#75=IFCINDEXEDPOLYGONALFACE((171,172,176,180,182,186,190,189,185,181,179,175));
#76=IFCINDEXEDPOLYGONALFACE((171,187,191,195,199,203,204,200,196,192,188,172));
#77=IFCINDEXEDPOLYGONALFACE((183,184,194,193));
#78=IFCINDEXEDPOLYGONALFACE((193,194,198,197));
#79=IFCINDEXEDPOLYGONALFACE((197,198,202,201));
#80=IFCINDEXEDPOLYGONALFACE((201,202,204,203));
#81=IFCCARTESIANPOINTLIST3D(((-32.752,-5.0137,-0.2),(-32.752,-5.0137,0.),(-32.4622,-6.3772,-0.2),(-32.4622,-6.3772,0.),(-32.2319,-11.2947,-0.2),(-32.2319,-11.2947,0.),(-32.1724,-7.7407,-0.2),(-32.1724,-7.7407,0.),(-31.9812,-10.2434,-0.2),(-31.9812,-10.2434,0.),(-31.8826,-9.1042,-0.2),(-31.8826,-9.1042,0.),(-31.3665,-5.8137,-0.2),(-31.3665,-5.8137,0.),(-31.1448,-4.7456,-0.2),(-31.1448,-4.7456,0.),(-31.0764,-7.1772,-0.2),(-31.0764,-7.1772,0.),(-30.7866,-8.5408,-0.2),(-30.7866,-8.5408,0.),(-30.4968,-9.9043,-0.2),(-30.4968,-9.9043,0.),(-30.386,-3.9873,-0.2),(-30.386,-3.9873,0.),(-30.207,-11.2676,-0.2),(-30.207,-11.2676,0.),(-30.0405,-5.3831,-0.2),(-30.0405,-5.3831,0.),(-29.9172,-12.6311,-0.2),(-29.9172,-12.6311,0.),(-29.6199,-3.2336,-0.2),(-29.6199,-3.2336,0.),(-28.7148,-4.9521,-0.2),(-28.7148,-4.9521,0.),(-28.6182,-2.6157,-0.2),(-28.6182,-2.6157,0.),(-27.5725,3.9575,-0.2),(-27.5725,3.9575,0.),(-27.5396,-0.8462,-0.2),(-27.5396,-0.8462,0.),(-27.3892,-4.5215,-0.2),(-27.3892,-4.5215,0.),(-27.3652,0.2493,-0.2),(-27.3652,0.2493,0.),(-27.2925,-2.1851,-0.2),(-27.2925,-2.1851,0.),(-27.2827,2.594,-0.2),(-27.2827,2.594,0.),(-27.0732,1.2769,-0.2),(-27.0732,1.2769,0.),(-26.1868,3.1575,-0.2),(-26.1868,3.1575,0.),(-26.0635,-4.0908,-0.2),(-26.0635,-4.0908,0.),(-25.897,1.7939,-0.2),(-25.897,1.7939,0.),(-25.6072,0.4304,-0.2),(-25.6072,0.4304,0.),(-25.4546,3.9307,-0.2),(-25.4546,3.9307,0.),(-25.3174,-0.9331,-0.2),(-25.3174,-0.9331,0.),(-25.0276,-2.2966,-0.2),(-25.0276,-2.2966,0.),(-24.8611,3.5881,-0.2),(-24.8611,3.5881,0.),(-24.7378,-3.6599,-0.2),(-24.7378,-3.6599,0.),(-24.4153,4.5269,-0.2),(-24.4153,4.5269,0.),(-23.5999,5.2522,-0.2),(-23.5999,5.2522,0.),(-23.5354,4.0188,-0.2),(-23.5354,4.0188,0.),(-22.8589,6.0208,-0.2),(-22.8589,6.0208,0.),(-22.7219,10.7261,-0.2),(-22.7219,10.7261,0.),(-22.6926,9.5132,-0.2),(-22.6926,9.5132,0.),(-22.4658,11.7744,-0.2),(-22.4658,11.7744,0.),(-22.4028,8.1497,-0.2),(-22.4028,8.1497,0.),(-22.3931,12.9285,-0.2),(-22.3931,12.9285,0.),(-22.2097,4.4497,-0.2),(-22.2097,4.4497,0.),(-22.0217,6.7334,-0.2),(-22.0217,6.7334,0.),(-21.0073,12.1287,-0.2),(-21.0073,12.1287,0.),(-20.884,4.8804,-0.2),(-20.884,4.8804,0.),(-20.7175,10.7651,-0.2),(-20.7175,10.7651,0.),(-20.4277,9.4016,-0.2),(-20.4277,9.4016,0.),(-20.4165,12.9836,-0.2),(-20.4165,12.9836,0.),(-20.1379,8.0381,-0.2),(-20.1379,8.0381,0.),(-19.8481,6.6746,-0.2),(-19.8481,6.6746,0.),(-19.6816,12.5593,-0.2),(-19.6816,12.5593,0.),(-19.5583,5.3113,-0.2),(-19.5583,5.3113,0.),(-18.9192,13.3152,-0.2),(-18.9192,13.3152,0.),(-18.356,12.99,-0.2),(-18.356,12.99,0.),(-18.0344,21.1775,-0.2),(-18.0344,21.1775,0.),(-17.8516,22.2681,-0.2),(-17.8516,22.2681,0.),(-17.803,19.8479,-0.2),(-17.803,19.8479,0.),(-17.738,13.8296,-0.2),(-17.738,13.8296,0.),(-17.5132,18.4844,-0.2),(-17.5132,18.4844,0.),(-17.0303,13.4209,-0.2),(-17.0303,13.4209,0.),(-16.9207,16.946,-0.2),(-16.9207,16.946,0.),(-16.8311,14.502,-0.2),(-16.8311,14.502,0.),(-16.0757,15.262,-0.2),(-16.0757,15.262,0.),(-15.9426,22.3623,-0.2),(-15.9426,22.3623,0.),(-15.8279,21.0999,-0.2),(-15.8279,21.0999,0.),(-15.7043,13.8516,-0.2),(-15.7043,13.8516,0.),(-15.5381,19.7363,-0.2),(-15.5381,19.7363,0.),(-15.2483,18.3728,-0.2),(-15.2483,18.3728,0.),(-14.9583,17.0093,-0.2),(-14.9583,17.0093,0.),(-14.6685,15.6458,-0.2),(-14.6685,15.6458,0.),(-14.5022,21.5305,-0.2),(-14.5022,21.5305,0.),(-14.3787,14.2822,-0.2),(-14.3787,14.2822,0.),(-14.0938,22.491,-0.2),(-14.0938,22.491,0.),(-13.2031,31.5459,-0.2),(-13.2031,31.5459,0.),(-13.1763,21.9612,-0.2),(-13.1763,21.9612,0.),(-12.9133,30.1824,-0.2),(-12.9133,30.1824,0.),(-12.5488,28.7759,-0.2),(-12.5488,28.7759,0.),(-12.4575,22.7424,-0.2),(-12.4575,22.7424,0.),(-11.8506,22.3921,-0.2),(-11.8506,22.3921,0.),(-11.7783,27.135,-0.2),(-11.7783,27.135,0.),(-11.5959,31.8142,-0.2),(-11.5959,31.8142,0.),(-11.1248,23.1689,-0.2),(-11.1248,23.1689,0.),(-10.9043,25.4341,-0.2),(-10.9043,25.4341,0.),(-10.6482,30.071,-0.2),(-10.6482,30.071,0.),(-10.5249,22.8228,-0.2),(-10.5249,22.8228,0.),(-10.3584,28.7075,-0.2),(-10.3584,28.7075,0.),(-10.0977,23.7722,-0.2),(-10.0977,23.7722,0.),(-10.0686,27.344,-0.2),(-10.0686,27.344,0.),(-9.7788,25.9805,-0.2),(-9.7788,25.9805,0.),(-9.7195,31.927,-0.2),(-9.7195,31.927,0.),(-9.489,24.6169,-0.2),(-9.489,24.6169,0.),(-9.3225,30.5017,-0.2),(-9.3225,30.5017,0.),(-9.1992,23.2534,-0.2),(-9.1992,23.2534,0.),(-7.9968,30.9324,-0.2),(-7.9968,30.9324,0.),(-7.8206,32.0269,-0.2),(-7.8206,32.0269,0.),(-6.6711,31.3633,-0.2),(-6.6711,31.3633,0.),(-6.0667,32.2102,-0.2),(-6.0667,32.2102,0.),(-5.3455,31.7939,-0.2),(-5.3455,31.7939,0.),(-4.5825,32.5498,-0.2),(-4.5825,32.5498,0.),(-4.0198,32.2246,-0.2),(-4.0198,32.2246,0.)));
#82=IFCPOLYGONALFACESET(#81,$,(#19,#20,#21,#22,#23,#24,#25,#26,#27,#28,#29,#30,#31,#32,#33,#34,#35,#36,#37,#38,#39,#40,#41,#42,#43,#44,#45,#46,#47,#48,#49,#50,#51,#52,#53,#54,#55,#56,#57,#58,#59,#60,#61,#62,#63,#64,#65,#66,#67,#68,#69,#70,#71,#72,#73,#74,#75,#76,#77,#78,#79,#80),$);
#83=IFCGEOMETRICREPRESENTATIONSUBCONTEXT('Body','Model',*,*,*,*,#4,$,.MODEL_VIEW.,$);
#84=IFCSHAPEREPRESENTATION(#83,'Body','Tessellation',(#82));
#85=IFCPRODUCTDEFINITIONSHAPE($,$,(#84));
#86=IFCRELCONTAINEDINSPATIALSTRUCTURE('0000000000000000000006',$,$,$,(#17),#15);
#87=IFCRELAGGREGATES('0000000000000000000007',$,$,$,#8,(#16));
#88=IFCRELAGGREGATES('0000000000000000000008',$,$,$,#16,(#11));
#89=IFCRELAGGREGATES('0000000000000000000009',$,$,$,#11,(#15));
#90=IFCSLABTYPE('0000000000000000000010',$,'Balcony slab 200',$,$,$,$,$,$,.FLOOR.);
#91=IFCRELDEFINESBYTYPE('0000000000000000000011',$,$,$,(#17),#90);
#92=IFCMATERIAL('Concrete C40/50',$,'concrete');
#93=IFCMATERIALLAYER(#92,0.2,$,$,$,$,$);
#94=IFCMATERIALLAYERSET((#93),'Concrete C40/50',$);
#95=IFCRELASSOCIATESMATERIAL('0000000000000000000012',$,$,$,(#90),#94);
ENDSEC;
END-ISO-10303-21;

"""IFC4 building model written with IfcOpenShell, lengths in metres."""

**REQUIREMENT**
Beginning with the line that holds "#84=IFCSHAPEREPRESENTATION(#83,'Body','Tessellation',(#82));" and ending with the last line of the data, copy each line exactly and add nothing.

**REPLY TO THE EXERCISE**
#84=IFCSHAPEREPRESENTATION(#83,'Body','Tessellation',(#82));
#85=IFCPRODUCTDEFINITIONSHAPE($,$,(#84));
#86=IFCRELCONTAINEDINSPATIALSTRUCTURE('0000000000000000000006',$,$,$,(#17),#15);
#87=IFCRELAGGREGATES('0000000000000000000007',$,$,$,#8,(#16));
#88=IFCRELAGGREGATES('0000000000000000000008',$,$,$,#16,(#11));
#89=IFCRELAGGREGATES('0000000000000000000009',$,$,$,#11,(#15));
#90=IFCSLABTYPE('0000000000000000000010',$,'Balcony slab 200',$,$,$,$,$,$,.FLOOR.);
#91=IFCRELDEFINESBYTYPE('0000000000000000000011',$,$,$,(#17),#90);
#92=IFCMATERIAL('Concrete C40/50',$,'concrete');
#93=IFCMATERIALLAYER(#92,0.2,$,$,$,$,$);
#94=IFCMATERIALLAYERSET((#93),'Concrete C40/50',$);
#95=IFCRELASSOCIATESMATERIAL('0000000000000000000012',$,$,$,(#90),#94);
ENDSEC;
END-ISO-10303-21;

"""IFC4 building model written with IfcOpenShell, lengths in metres."""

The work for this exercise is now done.